The problem: Only one stretch of the listing below is wanted. Begin at the line that has "#191=IFCPRODUCTDEFINITIONSHAPE($,$,(#190));", stop after the line that has "#211=IFCMATERIAL('Concrete B80',$,'concrete');", and repeat every line in between exactly.

Provided data:

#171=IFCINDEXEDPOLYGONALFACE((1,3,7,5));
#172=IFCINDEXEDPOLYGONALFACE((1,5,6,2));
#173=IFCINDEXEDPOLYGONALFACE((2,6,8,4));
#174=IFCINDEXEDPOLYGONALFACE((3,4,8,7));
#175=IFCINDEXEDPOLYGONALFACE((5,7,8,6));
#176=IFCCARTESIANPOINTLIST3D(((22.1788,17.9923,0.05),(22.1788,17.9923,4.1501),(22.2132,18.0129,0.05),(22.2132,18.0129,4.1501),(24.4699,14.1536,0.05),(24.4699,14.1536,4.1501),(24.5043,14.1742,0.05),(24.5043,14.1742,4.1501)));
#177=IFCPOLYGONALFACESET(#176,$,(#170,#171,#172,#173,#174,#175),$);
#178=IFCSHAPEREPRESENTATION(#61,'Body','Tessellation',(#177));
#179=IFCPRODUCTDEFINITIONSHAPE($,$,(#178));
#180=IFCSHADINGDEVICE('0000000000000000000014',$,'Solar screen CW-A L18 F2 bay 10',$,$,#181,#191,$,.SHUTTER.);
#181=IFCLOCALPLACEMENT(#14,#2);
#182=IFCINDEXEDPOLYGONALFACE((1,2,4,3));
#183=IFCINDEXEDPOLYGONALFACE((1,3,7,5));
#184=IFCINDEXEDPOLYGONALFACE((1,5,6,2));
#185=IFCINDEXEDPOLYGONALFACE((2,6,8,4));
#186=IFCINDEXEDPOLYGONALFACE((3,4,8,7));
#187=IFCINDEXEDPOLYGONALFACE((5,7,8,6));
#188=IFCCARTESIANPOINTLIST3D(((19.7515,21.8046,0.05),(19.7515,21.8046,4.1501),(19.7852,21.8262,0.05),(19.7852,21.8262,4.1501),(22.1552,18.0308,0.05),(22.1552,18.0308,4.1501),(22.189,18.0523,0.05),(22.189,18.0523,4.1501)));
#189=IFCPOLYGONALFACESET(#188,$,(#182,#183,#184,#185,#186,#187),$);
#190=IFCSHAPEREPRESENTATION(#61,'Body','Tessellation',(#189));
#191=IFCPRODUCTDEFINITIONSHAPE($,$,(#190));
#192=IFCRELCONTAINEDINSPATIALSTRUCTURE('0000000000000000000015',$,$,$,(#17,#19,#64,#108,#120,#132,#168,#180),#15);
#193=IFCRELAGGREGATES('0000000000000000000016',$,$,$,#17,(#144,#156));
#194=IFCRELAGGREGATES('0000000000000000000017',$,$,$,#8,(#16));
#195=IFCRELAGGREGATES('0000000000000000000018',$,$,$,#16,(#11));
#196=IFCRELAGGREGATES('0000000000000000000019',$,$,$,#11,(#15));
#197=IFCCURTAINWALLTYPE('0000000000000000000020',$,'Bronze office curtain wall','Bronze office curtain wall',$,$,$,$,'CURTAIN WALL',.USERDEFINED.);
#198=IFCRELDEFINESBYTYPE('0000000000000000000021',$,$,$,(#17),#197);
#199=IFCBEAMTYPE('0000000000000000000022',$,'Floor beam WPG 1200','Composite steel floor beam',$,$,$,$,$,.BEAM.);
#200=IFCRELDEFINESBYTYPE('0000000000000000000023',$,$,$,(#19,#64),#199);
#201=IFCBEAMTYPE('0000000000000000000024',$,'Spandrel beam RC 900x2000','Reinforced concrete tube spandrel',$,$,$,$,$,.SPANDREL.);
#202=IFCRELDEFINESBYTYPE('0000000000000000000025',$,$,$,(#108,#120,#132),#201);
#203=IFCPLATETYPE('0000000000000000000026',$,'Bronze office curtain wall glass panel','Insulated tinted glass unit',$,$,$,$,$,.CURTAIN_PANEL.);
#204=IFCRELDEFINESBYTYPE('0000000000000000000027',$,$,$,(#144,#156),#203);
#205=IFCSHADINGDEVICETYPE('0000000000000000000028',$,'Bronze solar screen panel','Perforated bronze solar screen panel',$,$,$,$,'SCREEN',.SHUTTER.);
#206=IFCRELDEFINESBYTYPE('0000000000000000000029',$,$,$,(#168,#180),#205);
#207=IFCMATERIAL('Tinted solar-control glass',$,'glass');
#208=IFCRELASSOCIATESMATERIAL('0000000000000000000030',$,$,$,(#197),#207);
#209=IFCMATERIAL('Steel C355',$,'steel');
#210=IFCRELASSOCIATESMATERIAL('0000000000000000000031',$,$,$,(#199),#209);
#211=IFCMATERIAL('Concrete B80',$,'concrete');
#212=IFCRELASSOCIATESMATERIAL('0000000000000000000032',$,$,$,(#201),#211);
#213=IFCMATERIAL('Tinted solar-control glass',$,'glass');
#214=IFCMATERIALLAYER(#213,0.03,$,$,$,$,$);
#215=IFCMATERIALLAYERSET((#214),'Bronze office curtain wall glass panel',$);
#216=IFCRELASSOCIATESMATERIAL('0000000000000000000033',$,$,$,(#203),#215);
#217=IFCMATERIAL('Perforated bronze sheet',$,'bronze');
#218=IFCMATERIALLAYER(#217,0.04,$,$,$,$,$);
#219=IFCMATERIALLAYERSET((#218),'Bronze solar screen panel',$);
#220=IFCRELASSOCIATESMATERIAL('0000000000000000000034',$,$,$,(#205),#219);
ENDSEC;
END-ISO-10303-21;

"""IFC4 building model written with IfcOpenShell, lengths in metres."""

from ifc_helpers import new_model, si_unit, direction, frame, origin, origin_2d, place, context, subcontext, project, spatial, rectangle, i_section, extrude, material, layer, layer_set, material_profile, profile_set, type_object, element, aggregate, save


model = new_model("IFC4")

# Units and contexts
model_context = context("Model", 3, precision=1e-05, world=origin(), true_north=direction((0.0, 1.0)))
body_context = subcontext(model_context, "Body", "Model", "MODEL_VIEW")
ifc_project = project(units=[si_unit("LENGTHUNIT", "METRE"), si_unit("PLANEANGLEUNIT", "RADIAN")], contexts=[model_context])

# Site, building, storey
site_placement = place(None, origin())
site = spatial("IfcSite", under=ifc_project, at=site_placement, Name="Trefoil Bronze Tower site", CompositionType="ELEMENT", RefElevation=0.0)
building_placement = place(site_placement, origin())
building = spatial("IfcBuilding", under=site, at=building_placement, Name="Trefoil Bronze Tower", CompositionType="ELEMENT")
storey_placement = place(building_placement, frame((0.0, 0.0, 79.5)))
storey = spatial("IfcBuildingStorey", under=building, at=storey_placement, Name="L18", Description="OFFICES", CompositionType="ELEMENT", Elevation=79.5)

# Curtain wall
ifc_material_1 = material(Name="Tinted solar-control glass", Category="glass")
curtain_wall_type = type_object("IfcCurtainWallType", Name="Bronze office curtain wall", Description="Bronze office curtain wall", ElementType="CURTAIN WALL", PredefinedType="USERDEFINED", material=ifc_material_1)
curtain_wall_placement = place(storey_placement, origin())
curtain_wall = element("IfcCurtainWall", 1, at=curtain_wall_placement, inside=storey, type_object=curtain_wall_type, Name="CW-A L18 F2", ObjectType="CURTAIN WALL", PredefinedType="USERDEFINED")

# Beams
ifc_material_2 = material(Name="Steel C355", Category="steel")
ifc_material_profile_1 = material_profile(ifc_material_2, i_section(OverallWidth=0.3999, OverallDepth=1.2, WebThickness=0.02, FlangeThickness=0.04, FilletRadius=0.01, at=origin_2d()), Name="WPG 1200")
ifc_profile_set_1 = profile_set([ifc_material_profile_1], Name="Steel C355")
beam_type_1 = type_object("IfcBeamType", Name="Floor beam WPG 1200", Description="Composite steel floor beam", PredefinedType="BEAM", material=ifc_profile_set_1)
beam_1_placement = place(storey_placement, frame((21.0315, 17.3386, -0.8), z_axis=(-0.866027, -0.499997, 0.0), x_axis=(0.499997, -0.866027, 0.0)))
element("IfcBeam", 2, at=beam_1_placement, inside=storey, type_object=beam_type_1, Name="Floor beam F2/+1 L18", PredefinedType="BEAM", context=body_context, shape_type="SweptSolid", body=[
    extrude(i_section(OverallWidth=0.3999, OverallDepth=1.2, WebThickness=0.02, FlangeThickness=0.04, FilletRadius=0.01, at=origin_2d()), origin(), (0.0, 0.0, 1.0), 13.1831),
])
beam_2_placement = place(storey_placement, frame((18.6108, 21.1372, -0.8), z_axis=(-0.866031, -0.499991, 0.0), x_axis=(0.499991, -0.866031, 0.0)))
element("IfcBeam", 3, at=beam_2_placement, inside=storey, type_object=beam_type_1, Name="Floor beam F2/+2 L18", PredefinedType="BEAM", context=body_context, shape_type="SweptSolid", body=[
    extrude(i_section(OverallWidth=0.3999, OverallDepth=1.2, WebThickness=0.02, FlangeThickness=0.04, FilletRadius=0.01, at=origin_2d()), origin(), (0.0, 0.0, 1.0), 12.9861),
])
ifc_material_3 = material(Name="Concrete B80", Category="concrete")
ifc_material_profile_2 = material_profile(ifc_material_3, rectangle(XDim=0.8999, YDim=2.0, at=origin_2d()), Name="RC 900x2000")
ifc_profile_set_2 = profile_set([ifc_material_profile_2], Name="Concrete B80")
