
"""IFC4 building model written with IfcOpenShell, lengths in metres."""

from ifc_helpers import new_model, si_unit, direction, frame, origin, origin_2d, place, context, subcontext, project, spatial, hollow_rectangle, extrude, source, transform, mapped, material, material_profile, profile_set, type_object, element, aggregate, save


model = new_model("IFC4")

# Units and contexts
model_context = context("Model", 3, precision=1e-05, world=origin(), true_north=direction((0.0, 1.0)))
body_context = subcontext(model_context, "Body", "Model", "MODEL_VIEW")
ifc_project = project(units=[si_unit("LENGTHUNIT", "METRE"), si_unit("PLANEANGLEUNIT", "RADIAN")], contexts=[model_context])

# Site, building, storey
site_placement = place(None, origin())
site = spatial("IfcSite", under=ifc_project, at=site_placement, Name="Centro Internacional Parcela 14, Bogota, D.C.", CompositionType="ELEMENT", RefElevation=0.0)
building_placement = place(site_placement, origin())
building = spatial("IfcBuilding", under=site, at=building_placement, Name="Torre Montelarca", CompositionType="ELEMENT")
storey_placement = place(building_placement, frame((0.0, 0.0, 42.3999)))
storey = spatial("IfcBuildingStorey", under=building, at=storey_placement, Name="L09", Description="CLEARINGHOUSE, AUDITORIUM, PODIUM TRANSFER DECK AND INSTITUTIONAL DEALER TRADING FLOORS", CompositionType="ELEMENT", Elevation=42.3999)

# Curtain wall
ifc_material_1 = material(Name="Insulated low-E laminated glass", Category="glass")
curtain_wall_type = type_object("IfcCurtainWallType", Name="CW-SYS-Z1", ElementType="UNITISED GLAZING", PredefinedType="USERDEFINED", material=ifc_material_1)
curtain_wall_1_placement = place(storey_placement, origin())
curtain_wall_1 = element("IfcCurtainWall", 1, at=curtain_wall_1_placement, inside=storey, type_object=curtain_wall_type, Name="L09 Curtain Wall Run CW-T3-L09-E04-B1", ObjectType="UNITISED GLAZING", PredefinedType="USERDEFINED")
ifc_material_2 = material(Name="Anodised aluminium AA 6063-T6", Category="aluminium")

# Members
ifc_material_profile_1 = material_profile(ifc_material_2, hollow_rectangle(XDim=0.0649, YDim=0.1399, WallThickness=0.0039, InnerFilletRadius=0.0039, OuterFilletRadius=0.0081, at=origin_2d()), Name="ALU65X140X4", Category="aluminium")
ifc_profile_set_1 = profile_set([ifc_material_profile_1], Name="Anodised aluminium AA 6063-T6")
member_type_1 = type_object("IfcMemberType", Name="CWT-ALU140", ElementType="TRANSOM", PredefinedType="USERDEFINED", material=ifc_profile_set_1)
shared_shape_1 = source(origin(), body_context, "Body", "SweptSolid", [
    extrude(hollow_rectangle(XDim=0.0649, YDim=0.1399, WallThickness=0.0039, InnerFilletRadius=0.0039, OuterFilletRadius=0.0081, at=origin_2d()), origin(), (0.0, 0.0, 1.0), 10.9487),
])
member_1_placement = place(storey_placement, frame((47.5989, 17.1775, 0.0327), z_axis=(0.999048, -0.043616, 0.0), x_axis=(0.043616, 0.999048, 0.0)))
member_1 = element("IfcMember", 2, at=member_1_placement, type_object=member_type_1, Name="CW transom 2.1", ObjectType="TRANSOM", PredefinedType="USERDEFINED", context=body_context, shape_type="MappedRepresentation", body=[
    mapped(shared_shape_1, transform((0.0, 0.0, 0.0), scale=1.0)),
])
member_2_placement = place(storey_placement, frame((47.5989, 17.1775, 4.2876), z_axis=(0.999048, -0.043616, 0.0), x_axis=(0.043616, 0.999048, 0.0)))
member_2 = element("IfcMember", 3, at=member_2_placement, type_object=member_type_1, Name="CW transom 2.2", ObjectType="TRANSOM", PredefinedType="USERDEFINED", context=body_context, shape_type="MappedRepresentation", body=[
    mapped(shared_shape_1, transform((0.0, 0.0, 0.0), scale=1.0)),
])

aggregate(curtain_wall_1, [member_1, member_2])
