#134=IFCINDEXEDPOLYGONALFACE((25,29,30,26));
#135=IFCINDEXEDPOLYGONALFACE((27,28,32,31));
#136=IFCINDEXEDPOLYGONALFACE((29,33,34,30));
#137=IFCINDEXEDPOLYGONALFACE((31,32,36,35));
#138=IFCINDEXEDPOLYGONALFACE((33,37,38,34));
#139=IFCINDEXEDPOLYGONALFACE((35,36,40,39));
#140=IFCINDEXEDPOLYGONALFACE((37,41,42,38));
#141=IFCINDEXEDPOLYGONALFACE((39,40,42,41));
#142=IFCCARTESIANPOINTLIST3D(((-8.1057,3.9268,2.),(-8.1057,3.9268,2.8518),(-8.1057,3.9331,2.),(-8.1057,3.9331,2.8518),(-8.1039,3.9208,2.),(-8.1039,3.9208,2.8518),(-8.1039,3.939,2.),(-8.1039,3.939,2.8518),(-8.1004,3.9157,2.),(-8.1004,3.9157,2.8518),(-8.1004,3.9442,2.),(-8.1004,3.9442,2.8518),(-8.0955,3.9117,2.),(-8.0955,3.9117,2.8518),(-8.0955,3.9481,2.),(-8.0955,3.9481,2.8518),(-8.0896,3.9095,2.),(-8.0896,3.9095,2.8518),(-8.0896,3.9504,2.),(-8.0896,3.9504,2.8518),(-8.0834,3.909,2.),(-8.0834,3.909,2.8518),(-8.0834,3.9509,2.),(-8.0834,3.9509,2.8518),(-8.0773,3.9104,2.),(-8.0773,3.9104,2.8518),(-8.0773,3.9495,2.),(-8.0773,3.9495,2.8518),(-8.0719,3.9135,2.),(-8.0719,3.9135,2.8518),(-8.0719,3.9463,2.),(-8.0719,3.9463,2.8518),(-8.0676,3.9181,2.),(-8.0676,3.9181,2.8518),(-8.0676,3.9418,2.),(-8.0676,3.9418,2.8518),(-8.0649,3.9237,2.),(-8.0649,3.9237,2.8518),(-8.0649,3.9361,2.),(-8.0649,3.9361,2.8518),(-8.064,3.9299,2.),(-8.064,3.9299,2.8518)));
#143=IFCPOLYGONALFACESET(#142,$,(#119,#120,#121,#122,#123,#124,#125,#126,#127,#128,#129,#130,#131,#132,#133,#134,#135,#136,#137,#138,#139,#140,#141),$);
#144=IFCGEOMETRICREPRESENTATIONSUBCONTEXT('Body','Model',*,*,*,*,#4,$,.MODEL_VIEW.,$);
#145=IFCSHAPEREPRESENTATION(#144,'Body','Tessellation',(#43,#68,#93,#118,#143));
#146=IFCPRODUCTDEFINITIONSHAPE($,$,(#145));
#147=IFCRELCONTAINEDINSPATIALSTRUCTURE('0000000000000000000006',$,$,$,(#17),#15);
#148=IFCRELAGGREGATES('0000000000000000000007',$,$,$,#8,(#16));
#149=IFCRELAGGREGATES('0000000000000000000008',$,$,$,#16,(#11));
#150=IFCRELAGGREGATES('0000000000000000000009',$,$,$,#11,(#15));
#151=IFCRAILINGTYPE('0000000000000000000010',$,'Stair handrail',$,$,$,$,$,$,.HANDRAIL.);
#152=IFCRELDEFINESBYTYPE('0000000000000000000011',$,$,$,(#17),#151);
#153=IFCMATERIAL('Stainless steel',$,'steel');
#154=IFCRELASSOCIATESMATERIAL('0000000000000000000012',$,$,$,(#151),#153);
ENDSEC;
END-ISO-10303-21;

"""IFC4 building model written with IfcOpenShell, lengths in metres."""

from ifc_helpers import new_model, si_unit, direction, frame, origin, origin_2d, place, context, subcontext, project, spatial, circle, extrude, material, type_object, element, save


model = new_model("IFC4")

Answer space:
#191=IFCPRODUCTDEFINITIONSHAPE($,$,(#190));
#192=IFCRELCONTAINEDINSPATIALSTRUCTURE('0000000000000000000015',$,$,$,(#17,#19,#64,#108,#120,#132,#168,#180),#15);
#193=IFCRELAGGREGATES('0000000000000000000016',$,$,$,#17,(#144,#156));
#194=IFCRELAGGREGATES('0000000000000000000017',$,$,$,#8,(#16));
#195=IFCRELAGGREGATES('0000000000000000000018',$,$,$,#16,(#11));
#196=IFCRELAGGREGATES('0000000000000000000019',$,$,$,#11,(#15));
#197=IFCCURTAINWALLTYPE('0000000000000000000020',$,'Bronze office curtain wall','Bronze office curtain wall',$,$,$,$,'CURTAIN WALL',.USERDEFINED.);
#198=IFCRELDEFINESBYTYPE('0000000000000000000021',$,$,$,(#17),#197);
#199=IFCBEAMTYPE('0000000000000000000022',$,'Floor beam WPG 1200','Composite steel floor beam',$,$,$,$,$,.BEAM.);
#200=IFCRELDEFINESBYTYPE('0000000000000000000023',$,$,$,(#19,#64),#199);
#201=IFCBEAMTYPE('0000000000000000000024',$,'Spandrel beam RC 900x2000','Reinforced concrete tube spandrel',$,$,$,$,$,.SPANDREL.);
#202=IFCRELDEFINESBYTYPE('0000000000000000000025',$,$,$,(#108,#120,#132),#201);
#203=IFCPLATETYPE('0000000000000000000026',$,'Bronze office curtain wall glass panel','Insulated tinted glass unit',$,$,$,$,$,.CURTAIN_PANEL.);
#204=IFCRELDEFINESBYTYPE('0000000000000000000027',$,$,$,(#144,#156),#203);
#205=IFCSHADINGDEVICETYPE('0000000000000000000028',$,'Bronze solar screen panel','Perforated bronze solar screen panel',$,$,$,$,'SCREEN',.SHUTTER.);
#206=IFCRELDEFINESBYTYPE('0000000000000000000029',$,$,$,(#168,#180),#205);
#207=IFCMATERIAL('Tinted solar-control glass',$,'glass');
#208=IFCRELASSOCIATESMATERIAL('0000000000000000000030',$,$,$,(#197),#207);
#209=IFCMATERIAL('Steel C355',$,'steel');
#210=IFCRELASSOCIATESMATERIAL('0000000000000000000031',$,$,$,(#199),#209);
#211=IFCMATERIAL('Concrete B80',$,'concrete');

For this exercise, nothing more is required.